§ **EXERCISE DIRECTIONS**:
Please copy out each line of the entries in which "IFCRELAGGREGATES" appears.

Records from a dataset
-- Opening Marker --

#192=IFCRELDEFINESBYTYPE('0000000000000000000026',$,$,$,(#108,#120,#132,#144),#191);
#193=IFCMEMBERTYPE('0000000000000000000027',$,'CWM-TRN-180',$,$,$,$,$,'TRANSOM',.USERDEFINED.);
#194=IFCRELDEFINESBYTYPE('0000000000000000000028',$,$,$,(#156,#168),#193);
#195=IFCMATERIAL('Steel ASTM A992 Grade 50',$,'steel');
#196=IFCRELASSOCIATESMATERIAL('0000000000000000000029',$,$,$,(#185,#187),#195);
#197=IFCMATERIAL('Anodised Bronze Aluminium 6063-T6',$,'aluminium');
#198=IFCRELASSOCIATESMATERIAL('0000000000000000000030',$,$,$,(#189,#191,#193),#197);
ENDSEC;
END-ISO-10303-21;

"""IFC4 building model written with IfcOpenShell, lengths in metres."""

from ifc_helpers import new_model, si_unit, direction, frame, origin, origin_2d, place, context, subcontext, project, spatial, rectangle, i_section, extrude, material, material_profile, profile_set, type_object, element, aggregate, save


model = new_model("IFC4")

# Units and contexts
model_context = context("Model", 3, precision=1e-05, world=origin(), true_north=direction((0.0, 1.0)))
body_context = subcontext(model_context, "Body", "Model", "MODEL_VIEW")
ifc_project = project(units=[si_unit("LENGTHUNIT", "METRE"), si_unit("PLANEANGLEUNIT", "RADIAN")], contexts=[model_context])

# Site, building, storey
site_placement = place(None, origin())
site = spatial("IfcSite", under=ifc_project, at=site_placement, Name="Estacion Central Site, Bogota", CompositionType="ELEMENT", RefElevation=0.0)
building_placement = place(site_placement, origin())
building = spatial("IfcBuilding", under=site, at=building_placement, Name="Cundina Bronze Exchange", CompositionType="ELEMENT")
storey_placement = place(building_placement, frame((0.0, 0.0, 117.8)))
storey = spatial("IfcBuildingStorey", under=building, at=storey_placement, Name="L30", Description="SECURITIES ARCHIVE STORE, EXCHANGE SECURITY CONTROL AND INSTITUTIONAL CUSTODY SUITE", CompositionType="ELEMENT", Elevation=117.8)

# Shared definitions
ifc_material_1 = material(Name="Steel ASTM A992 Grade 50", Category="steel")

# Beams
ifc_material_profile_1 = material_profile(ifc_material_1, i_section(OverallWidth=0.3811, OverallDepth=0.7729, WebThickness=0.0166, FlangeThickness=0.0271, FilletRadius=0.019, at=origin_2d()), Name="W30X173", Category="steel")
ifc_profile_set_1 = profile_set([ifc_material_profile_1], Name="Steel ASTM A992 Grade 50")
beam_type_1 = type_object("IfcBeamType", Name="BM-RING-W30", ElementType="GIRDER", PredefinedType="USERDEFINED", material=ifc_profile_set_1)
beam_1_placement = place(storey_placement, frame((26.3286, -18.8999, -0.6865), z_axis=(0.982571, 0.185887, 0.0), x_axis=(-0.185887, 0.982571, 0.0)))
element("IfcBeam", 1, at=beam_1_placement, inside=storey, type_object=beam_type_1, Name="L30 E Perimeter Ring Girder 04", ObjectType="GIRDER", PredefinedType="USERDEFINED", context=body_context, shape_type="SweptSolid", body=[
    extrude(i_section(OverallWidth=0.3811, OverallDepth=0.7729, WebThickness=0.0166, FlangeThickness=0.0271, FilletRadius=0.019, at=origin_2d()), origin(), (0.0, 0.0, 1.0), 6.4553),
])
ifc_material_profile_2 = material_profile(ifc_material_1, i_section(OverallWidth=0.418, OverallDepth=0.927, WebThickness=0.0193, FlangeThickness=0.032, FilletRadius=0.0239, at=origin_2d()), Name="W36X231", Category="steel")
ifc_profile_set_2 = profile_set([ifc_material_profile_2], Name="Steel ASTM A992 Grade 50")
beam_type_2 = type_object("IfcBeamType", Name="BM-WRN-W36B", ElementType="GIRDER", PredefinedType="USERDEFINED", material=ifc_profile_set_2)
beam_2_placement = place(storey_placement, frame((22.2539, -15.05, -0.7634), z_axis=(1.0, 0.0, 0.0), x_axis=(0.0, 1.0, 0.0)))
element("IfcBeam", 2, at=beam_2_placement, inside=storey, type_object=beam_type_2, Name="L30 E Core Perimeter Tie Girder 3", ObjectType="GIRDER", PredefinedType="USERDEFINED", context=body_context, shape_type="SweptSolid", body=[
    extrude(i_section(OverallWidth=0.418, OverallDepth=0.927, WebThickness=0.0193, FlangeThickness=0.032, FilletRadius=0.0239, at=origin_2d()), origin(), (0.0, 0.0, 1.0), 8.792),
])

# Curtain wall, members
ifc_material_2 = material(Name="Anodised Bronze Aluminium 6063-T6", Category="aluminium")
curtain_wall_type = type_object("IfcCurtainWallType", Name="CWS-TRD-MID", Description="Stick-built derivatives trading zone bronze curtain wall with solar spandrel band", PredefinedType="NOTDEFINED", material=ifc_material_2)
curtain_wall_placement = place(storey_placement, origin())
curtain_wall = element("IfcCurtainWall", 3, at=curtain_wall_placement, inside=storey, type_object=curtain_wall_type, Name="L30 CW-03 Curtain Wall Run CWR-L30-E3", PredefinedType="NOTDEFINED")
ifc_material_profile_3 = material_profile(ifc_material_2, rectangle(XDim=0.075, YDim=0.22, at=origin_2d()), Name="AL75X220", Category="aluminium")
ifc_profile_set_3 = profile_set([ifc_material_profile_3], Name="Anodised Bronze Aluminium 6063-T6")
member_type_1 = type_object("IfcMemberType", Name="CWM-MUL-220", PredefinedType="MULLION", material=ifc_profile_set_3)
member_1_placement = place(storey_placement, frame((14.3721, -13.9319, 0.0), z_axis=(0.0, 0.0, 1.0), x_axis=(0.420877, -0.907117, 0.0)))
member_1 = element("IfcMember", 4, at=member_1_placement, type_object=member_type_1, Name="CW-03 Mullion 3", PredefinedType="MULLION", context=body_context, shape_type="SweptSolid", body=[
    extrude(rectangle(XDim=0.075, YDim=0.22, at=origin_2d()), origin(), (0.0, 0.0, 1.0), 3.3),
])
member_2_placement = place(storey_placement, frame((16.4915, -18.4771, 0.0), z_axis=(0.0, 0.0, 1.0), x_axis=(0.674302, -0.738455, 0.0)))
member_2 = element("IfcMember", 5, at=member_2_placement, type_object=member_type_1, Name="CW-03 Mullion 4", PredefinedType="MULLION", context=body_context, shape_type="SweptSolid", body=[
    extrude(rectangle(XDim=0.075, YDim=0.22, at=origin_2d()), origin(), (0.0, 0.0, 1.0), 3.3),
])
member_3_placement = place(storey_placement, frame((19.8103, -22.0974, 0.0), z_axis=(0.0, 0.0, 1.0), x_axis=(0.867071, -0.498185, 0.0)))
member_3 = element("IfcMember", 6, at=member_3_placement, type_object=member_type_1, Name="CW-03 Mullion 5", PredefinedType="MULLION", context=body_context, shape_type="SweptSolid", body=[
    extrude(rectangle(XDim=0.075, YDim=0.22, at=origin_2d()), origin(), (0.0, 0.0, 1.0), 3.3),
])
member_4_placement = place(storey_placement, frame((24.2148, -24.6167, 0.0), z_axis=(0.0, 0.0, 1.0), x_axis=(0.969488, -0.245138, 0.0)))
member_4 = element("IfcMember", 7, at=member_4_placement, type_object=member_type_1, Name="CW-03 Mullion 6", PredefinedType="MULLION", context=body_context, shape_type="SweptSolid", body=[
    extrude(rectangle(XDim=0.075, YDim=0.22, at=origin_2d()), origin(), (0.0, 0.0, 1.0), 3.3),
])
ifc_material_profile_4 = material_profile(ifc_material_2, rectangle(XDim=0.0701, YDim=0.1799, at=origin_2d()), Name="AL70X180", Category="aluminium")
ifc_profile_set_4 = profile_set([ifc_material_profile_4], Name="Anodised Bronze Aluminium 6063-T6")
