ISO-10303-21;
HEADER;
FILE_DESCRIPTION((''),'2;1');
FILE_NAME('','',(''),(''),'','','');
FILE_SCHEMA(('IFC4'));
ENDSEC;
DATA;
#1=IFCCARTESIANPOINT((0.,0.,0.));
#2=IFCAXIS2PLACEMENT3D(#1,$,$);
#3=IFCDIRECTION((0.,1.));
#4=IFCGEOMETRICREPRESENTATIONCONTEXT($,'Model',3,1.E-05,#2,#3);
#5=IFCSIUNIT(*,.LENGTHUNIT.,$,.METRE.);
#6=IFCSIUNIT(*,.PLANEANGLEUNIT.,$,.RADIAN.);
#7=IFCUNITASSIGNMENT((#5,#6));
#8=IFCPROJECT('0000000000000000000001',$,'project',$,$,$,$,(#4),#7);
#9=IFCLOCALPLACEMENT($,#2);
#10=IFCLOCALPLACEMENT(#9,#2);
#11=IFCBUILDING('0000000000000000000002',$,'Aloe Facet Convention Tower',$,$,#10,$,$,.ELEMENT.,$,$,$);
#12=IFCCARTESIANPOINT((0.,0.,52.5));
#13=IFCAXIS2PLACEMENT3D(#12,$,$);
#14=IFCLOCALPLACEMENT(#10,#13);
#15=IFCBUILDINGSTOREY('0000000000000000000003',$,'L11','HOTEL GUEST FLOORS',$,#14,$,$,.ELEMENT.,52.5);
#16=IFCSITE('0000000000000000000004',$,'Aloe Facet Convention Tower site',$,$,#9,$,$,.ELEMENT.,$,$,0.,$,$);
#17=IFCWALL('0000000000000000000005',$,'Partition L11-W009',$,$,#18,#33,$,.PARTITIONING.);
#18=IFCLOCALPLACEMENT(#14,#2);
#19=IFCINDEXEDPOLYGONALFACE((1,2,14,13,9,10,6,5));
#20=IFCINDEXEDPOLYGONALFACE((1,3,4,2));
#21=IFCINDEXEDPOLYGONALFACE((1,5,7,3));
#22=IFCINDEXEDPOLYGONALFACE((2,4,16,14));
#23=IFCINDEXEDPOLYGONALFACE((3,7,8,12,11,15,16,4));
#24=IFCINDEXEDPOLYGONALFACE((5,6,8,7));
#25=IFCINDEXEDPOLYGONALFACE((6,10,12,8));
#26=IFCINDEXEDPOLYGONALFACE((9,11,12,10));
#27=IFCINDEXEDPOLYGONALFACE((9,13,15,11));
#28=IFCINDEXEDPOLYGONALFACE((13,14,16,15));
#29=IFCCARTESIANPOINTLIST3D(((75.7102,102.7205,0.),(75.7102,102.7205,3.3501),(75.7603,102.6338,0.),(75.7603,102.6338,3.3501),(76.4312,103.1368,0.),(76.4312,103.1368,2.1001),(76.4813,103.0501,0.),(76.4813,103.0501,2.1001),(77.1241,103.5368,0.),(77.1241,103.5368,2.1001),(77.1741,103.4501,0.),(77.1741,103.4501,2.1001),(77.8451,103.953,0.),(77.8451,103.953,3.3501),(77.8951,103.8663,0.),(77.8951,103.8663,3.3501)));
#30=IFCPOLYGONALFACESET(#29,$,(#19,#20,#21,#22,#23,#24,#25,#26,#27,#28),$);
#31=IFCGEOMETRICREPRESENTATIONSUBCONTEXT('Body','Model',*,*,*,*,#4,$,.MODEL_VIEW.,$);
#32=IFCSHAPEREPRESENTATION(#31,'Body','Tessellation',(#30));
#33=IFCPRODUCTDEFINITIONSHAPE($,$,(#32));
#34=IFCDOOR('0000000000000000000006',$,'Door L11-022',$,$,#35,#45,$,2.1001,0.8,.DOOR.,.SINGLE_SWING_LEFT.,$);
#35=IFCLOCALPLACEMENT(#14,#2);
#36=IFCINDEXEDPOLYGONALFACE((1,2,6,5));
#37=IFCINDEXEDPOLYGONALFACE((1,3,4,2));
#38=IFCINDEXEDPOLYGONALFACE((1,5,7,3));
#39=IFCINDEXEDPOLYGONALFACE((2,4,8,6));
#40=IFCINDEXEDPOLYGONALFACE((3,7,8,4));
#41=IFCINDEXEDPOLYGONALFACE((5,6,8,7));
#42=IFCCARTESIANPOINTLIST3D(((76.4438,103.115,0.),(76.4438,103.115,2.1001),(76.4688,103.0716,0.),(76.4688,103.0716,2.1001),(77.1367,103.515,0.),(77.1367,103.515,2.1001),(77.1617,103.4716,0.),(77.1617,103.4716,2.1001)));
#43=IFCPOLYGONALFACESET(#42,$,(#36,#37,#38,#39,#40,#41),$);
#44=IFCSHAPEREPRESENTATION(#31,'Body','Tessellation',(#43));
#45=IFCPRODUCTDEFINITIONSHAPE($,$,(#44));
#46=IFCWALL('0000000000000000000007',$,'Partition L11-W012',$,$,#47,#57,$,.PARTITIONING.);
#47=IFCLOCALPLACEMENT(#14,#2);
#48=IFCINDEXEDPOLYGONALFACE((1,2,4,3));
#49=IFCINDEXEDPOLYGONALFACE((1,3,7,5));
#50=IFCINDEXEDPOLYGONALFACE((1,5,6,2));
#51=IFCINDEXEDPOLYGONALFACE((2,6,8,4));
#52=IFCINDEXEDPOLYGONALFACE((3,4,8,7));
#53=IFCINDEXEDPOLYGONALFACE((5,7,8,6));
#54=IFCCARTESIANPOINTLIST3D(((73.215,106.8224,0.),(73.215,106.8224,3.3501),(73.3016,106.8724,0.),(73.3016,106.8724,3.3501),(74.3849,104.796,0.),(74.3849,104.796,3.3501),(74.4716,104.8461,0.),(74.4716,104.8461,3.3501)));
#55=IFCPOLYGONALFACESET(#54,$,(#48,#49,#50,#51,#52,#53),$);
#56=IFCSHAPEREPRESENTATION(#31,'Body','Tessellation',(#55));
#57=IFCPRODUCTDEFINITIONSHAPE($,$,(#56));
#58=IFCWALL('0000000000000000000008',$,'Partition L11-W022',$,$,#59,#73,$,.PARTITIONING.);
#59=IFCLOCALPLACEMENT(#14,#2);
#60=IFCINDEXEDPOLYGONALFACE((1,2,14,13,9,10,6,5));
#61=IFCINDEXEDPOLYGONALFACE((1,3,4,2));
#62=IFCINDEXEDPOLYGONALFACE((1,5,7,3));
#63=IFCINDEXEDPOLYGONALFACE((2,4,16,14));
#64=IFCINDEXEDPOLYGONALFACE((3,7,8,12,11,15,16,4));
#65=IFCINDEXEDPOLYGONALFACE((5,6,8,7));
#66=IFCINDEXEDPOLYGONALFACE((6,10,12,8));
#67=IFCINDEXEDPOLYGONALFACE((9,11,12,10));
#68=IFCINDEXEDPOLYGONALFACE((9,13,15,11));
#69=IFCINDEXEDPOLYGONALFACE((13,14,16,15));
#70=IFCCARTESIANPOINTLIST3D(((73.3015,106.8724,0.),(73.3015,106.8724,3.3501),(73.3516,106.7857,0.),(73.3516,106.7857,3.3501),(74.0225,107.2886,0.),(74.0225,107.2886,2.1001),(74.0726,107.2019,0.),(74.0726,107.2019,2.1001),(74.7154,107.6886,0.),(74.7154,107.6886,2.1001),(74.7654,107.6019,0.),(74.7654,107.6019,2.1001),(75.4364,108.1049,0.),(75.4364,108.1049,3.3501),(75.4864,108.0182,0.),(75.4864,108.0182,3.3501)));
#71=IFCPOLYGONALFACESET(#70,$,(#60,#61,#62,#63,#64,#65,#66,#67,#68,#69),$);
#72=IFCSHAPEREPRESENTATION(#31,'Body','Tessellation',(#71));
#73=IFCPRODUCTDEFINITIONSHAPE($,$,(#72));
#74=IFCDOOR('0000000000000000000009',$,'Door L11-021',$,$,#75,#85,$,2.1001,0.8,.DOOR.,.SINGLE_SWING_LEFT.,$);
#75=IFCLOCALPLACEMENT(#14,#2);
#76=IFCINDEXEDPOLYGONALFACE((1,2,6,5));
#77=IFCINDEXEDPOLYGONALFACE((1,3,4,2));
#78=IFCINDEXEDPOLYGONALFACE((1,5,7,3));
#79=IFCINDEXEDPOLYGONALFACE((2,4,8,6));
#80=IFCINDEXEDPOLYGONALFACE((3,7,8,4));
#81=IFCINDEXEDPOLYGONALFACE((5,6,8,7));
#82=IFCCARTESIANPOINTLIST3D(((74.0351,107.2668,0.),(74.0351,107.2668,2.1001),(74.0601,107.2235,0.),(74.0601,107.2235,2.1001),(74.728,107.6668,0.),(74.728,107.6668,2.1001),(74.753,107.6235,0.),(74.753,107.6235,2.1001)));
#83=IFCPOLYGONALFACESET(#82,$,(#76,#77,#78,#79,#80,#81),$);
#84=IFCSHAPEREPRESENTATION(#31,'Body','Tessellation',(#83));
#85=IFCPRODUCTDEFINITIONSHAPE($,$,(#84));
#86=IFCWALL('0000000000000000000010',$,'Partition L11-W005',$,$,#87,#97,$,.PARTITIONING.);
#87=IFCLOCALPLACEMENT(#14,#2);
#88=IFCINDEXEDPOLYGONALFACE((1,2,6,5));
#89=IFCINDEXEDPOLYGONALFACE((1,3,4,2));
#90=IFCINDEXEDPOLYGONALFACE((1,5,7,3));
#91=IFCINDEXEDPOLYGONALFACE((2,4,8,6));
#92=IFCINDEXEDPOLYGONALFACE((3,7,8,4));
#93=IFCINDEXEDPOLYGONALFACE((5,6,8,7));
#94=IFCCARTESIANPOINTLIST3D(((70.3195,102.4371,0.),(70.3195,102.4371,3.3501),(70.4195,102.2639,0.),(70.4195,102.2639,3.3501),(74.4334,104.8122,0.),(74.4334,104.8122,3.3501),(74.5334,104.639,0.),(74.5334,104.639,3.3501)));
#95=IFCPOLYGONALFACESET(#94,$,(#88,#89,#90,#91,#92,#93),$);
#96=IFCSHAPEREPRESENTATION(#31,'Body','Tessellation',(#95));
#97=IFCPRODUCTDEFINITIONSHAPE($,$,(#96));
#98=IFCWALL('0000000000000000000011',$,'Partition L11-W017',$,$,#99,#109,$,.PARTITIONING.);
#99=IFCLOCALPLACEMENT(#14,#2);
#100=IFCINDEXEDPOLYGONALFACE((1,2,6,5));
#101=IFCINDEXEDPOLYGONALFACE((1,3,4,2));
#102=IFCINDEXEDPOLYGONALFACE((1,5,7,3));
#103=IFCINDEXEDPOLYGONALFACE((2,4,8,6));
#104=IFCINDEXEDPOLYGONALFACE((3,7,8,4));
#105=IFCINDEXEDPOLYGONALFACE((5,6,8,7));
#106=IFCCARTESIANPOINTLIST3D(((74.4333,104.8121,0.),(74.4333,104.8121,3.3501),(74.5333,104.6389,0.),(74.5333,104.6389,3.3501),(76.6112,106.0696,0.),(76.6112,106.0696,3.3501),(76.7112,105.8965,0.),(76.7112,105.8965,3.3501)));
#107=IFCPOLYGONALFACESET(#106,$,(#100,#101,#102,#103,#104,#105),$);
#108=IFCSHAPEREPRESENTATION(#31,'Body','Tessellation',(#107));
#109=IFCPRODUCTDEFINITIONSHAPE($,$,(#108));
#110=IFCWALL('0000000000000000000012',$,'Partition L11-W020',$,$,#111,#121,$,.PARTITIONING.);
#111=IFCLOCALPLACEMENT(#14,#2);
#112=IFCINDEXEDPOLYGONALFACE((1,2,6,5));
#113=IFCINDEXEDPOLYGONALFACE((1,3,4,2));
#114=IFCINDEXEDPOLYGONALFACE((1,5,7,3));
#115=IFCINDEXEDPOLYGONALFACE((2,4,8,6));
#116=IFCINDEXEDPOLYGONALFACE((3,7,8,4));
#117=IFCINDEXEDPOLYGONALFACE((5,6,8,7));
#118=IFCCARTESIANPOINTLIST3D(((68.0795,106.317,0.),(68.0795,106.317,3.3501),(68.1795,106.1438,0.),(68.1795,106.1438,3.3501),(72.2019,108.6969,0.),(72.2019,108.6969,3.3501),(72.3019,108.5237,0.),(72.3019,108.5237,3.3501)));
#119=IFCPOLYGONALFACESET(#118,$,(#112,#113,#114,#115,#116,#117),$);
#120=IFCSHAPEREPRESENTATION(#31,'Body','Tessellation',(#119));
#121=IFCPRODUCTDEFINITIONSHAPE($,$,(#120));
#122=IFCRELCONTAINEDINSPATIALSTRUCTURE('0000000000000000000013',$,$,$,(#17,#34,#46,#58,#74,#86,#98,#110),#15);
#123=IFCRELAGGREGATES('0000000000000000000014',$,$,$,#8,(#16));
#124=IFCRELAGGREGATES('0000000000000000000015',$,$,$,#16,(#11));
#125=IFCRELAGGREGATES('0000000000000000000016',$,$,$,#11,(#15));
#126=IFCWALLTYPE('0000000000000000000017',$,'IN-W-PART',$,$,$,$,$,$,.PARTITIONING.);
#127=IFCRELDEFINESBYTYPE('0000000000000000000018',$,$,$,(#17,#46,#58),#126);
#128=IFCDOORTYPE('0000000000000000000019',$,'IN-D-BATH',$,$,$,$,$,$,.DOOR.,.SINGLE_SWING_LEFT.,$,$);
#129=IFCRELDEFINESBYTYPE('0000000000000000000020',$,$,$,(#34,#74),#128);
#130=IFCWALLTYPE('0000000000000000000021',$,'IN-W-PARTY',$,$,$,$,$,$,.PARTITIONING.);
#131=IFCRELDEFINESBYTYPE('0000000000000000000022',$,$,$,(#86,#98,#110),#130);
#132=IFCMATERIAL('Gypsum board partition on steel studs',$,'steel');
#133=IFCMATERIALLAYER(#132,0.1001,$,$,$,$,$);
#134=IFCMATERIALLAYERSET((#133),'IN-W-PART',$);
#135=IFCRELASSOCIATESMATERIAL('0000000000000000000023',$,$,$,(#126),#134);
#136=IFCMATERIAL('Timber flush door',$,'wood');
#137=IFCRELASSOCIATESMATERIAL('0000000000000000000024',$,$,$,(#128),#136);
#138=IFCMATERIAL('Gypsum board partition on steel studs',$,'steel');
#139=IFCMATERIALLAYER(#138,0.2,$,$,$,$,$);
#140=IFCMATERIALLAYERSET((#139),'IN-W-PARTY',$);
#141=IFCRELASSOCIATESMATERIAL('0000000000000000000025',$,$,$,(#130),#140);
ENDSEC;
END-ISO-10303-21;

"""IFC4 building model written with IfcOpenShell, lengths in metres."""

from ifc_helpers import new_model, si_unit, direction, frame, frame_2d, origin, place, context, subcontext, project, spatial, rectangle, extrude, material, layer, layer_set, type_object, element, fill, save


model = new_model("IFC4")

# Units and contexts
model_context = context("Model", 3, precision=1e-05, world=origin(), true_north=direction((0.0, 1.0)))
body_context = subcontext(model_context, "Body", "Model", "MODEL_VIEW")
ifc_project = project(units=[si_unit("LENGTHUNIT", "METRE"), si_unit("PLANEANGLEUNIT", "RADIAN")], contexts=[model_context])

# Site, building, storey
site_placement = place(None, origin())
site = spatial("IfcSite", under=ifc_project, at=site_placement, Name="Aloe Facet Convention Tower site", CompositionType="ELEMENT", RefElevation=0.0)
building_placement = place(site_placement, origin())
building = spatial("IfcBuilding", under=site, at=building_placement, Name="Aloe Facet Convention Tower", CompositionType="ELEMENT")
storey_placement = place(building_placement, frame((0.0, 0.0, 52.5)))
storey = spatial("IfcBuildingStorey", under=building, at=storey_placement, Name="L11", Description="HOTEL GUEST FLOORS", CompositionType="ELEMENT", Elevation=52.5)

# Shared definitions
ifc_material_1 = material(Name="Gypsum board partition on steel studs", Category="steel")
ifc_layer_1 = layer(ifc_material_1, 0.1001)
ifc_layer_set_1 = layer_set([ifc_layer_1], Name="IN-W-PART")
wall_type_1 = type_object("IfcWallType", Name="IN-W-PART", PredefinedType="PARTITIONING", material=ifc_layer_set_1)

# Wall, opening, door
wall_1_placement = place(storey_placement, frame((75.7354, 102.6772, 0.0), z_axis=(0.0, 0.0, 1.0), x_axis=(0.86604, 0.499974, 0.0)))
wall_1 = element("IfcWall", 1, at=wall_1_placement, inside=storey, type_object=wall_type_1, Name="Partition L11-W009", PredefinedType="PARTITIONING", context=body_context, shape_type="SweptSolid", body=[
    extrude(rectangle(XDim=2.4651, YDim=0.1001, at=frame_2d((1.2324, 0.0))), origin(), (0.0, 0.0, 1.0), 3.3501),
])
opening_1_placement = place(wall_1_placement, frame((0.8325, 0.0, 0.0)))
opening_1 = element("IfcOpeningElement", 2, at=opening_1_placement, cuts=wall_1, PredefinedType="OPENING", context=body_context, shape_type="SweptSolid", body=[
    extrude(rectangle(XDim=0.8, YDim=2.1001, at=frame_2d((0.3999, 1.05))), frame((0.0, 0.0601, 0.0), z_axis=(0.0, -1.0, 0.0), x_axis=(1.0, 0.0, 0.0)), (0.0, 0.0, 1.0), 0.1201),
])
ifc_material_2 = material(Name="Timber flush door", Category="wood")
door_type_1 = type_object("IfcDoorType", Name="IN-D-BATH", OperationType="SINGLE_SWING_LEFT", PredefinedType="DOOR", material=ifc_material_2)
door_1_placement = place(opening_1_placement, origin())
door_1 = element("IfcDoor", 3, at=door_1_placement, inside=storey, type_object=door_type_1, Name="Door L11-022", OperationType="SINGLE_SWING_LEFT", OverallHeight=2.1001, OverallWidth=0.8, PredefinedType="DOOR", context=body_context, shape_type="SweptSolid", body=[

-- Closing Marker --

§ **TASK OUTPUT**:
#123=IFCRELAGGREGATES('0000000000000000000014',$,$,$,#8,(#16));
#124=IFCRELAGGREGATES('0000000000000000000015',$,$,$,#16,(#11));
#125=IFCRELAGGREGATES('0000000000000000000016',$,$,$,#11,(#15));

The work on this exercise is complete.